Exactly as they appear, copy the lines from the start of the entries below to the line containing "#125=IFCINDEXEDPOLYGONALFACE((5,7,8,6));", both ends included.

(Material for this exercise)
§ §

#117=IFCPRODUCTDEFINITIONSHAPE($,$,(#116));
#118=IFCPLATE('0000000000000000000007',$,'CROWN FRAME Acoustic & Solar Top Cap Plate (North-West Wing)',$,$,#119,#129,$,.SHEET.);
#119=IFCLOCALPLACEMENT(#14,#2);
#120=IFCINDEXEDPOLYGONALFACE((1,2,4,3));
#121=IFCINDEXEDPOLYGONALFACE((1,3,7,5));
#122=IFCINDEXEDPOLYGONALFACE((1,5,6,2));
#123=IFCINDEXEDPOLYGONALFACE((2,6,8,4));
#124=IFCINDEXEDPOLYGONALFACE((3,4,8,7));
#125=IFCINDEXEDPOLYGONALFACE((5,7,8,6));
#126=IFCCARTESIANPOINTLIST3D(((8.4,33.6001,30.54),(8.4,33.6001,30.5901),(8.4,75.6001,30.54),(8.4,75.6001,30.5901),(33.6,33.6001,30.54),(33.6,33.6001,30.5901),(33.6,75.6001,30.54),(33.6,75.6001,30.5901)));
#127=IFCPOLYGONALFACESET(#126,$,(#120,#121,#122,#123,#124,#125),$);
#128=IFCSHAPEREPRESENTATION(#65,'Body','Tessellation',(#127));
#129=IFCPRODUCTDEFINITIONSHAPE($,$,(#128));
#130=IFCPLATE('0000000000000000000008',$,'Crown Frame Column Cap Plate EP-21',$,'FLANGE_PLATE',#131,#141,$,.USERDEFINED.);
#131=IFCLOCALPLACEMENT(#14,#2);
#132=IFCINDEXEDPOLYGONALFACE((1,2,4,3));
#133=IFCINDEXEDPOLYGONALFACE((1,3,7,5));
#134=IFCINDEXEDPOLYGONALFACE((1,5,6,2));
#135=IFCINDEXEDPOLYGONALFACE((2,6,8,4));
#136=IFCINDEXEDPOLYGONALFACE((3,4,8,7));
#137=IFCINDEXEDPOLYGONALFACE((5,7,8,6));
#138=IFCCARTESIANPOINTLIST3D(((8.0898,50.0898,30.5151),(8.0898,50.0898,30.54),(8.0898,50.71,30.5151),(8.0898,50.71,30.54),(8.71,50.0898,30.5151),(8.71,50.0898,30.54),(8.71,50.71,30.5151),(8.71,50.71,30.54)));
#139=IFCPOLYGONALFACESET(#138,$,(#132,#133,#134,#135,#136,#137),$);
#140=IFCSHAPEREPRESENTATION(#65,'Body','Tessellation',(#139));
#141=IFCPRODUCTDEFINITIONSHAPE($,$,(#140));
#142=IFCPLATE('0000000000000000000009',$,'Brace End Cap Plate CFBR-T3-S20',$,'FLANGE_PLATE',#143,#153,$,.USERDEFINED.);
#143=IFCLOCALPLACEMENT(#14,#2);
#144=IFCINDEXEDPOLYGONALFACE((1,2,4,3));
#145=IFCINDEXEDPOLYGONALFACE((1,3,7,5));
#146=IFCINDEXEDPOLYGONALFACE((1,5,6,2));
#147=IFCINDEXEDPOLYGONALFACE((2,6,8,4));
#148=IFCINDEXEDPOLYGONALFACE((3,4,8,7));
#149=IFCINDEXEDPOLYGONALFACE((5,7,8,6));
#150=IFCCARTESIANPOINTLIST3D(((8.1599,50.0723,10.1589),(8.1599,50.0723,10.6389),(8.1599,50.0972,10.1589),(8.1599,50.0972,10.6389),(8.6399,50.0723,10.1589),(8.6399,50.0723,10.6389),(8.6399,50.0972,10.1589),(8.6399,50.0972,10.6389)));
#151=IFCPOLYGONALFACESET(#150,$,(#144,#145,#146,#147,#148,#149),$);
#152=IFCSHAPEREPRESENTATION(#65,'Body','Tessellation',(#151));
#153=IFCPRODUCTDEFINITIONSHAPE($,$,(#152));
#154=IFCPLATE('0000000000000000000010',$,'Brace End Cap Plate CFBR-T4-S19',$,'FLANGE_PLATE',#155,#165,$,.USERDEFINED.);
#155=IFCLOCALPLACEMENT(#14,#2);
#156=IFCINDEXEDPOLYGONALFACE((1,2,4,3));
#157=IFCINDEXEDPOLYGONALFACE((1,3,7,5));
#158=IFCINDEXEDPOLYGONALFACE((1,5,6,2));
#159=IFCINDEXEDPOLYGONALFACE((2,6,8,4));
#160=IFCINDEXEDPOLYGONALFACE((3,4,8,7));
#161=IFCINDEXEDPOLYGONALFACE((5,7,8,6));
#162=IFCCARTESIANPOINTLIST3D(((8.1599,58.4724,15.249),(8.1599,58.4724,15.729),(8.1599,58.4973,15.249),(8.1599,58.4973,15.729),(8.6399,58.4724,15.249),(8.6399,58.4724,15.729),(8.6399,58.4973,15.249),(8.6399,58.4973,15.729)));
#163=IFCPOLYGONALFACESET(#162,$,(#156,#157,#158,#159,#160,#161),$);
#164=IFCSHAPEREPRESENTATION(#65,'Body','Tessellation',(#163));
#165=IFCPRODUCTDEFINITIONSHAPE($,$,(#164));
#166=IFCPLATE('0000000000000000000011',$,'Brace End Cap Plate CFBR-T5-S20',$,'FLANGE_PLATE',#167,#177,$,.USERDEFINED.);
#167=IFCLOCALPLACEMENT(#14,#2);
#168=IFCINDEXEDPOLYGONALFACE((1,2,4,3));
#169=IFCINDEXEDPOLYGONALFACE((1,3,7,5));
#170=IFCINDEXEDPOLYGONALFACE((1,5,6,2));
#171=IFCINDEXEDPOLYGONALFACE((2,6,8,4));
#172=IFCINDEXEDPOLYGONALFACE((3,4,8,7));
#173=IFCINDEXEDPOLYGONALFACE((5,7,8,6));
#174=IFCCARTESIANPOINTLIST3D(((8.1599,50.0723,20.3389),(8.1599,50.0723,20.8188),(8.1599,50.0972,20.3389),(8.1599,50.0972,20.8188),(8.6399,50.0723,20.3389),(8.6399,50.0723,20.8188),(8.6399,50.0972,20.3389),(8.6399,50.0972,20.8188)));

§ §

(Exercise result)
#117=IFCPRODUCTDEFINITIONSHAPE($,$,(#116));
#118=IFCPLATE('0000000000000000000007',$,'CROWN FRAME Acoustic & Solar Top Cap Plate (North-West Wing)',$,$,#119,#129,$,.SHEET.);
#119=IFCLOCALPLACEMENT(#14,#2);
#120=IFCINDEXEDPOLYGONALFACE((1,2,4,3));
#121=IFCINDEXEDPOLYGONALFACE((1,3,7,5));
#122=IFCINDEXEDPOLYGONALFACE((1,5,6,2));
#123=IFCINDEXEDPOLYGONALFACE((2,6,8,4));
#124=IFCINDEXEDPOLYGONALFACE((3,4,8,7));
#125=IFCINDEXEDPOLYGONALFACE((5,7,8,6));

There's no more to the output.